** About this exercise **
Which lines of the material contain the word "number"? Show each one.

---------- Data shown ----------

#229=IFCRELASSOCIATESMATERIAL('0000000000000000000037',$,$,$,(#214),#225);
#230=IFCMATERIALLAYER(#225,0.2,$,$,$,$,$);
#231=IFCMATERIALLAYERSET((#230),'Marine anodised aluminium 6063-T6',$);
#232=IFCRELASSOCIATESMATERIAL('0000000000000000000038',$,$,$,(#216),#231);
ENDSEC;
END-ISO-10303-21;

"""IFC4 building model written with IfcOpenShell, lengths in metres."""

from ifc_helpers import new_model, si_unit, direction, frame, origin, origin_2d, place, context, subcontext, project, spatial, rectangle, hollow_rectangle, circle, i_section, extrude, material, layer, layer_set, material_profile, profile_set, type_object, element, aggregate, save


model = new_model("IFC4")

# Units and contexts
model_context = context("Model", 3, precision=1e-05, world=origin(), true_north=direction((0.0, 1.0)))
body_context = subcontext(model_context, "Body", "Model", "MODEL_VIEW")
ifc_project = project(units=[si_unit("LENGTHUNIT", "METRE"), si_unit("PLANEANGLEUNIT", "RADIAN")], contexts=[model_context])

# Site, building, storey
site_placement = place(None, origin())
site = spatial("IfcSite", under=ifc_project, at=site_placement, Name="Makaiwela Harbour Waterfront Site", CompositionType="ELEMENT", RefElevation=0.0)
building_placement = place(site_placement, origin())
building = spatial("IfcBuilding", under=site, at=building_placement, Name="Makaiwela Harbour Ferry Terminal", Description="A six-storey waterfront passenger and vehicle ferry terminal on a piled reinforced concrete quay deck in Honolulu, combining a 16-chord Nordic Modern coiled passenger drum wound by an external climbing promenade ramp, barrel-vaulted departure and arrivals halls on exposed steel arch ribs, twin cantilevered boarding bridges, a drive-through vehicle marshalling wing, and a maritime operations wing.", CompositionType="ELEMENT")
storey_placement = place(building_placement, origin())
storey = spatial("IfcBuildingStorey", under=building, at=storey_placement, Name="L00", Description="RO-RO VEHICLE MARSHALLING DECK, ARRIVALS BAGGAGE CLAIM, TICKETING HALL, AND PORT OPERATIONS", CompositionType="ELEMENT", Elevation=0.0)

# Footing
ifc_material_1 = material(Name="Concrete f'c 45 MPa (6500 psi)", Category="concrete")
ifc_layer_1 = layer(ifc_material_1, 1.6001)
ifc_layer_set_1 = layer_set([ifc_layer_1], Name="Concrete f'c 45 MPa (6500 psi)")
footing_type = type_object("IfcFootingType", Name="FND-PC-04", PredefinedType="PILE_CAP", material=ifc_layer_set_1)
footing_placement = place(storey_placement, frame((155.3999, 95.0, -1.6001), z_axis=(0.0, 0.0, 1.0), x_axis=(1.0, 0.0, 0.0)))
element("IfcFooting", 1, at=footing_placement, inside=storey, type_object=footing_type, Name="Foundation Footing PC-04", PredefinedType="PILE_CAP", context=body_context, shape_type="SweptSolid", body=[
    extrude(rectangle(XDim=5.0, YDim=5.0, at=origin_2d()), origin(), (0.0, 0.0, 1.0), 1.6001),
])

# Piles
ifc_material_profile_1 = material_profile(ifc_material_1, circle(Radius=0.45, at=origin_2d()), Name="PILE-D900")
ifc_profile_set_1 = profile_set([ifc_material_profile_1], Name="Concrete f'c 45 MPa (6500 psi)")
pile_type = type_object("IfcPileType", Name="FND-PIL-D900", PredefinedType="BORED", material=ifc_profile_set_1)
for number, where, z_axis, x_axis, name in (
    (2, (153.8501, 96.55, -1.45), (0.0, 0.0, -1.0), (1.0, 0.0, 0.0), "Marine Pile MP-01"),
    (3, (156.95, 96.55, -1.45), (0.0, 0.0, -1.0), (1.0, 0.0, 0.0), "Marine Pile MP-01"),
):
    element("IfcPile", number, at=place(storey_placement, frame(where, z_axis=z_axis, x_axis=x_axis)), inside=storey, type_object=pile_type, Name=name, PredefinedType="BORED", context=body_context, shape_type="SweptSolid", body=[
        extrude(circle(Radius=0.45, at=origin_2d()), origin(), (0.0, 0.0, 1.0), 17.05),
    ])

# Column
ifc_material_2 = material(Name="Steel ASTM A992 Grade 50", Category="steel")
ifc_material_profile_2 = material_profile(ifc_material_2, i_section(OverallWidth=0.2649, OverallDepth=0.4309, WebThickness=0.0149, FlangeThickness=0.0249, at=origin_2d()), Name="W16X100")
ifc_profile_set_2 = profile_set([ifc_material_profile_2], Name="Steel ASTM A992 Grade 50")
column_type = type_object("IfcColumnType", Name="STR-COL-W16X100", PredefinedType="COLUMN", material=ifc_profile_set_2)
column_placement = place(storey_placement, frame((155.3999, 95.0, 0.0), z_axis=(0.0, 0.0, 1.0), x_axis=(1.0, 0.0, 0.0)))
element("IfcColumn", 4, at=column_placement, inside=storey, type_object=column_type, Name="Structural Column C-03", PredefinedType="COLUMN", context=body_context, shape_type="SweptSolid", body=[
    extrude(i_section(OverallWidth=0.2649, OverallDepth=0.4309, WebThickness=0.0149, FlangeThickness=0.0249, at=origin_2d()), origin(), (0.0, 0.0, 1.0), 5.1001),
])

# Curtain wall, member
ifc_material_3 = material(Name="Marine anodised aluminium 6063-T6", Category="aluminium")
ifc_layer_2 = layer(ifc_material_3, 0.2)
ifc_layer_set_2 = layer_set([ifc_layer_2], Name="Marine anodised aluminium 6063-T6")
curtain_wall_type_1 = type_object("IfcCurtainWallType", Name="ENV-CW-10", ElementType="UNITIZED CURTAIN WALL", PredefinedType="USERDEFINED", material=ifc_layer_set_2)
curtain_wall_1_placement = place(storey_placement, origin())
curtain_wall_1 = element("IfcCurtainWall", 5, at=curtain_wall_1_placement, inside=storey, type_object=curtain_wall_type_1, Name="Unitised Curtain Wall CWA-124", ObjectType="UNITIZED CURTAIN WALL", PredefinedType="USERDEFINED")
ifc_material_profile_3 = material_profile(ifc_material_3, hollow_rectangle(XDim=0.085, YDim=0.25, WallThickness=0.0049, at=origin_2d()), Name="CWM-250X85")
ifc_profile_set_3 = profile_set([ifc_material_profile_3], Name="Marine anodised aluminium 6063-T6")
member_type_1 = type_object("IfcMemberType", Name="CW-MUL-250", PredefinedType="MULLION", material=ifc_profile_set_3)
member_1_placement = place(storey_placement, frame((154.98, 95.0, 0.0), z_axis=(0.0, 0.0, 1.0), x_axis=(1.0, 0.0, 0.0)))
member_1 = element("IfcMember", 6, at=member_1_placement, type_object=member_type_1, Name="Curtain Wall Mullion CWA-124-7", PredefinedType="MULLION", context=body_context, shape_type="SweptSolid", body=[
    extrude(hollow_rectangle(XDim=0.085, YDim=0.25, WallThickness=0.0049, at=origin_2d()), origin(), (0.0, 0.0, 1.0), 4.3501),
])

----------
---------- Data shown ----------

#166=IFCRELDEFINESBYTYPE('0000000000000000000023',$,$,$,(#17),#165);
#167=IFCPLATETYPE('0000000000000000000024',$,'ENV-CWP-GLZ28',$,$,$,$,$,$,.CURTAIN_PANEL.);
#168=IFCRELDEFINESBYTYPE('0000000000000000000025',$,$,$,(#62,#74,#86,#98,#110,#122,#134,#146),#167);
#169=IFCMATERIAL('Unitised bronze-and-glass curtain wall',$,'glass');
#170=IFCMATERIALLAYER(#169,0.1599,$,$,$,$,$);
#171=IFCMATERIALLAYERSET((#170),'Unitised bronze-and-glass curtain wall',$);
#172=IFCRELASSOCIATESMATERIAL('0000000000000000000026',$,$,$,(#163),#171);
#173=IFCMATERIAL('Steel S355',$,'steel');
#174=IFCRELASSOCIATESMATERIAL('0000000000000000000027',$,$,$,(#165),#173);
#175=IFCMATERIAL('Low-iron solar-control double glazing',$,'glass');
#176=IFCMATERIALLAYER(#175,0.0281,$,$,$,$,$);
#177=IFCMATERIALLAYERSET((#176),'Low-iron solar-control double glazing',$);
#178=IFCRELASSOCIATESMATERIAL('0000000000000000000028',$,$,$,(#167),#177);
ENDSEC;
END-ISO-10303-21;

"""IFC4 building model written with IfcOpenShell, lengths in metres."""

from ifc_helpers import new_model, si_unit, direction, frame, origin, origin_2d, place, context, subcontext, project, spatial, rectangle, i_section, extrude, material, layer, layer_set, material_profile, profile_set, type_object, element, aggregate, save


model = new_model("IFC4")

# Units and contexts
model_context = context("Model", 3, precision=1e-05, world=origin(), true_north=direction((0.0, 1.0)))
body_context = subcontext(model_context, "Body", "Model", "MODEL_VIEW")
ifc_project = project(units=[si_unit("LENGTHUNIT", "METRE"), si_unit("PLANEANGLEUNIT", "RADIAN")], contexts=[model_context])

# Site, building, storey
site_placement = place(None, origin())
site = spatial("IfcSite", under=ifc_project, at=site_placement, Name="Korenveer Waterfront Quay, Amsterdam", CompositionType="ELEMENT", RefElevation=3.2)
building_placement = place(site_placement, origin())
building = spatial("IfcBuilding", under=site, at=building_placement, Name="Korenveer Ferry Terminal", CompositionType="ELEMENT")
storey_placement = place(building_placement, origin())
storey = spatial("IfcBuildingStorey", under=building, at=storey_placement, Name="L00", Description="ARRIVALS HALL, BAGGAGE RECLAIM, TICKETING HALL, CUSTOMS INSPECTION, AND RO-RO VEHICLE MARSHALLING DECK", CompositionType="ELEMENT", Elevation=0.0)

----------

** Your response **
for number, where, z_axis, x_axis, name in (
    element("IfcPile", number, at=place(storey_placement, frame(where, z_axis=z_axis, x_axis=x_axis)), inside=storey, type_object=pile_type, Name=name, PredefinedType="BORED", context=body_context, shape_type="SweptSolid", body=[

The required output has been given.